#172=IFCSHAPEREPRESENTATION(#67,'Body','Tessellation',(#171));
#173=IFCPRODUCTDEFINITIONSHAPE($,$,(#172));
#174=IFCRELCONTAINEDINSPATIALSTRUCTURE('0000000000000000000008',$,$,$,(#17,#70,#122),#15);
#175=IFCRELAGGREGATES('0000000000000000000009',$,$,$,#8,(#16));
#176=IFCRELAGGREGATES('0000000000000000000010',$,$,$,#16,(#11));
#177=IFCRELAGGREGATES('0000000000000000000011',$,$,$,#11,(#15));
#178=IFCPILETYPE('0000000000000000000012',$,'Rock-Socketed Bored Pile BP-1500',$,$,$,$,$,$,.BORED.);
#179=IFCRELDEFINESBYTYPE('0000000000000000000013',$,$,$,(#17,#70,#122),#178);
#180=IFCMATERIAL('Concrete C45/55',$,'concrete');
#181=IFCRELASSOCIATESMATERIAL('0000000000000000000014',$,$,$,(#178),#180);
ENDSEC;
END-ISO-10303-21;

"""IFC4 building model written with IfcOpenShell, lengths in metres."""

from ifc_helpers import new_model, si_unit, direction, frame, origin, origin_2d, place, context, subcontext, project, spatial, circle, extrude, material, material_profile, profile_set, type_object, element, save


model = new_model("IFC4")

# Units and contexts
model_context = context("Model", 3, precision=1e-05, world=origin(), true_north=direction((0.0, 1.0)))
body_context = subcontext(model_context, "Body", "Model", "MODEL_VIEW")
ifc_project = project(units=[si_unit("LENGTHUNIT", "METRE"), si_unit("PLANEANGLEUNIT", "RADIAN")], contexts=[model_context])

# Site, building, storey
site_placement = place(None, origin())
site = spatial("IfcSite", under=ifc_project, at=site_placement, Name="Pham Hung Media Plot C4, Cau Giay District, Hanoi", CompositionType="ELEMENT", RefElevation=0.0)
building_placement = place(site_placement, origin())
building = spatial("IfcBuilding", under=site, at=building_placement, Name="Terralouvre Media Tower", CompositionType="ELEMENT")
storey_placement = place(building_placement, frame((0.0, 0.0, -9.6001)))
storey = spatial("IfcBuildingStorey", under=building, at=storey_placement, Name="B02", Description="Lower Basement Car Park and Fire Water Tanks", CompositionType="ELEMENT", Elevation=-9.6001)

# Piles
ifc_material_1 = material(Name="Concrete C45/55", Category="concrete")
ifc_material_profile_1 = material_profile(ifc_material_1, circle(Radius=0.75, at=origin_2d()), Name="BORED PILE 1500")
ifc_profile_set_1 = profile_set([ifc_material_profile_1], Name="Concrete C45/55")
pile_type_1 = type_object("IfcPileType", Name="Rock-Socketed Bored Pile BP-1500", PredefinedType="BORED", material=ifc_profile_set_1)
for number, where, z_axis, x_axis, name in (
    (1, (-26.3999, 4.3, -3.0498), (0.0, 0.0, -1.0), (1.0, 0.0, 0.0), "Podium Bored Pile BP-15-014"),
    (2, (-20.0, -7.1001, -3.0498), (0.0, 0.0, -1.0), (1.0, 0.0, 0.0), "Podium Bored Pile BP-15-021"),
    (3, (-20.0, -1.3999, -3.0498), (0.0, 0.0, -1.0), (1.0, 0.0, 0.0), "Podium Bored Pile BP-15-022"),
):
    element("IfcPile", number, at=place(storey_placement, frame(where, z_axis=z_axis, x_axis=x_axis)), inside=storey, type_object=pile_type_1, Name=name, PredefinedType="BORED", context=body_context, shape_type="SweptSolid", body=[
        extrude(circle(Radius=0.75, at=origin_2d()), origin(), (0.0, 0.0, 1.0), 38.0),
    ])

§ **Action item**
Of the lines above, output exactly those from the line bearing "site_placement = place(None, origin())" through the line bearing "building_placement = place(site_placement, origin())", inclusive.

§ **Problem solution**
site_placement = place(None, origin())
site = spatial("IfcSite", under=ifc_project, at=site_placement, Name="Pham Hung Media Plot C4, Cau Giay District, Hanoi", CompositionType="ELEMENT", RefElevation=0.0)
building_placement = place(site_placement, origin())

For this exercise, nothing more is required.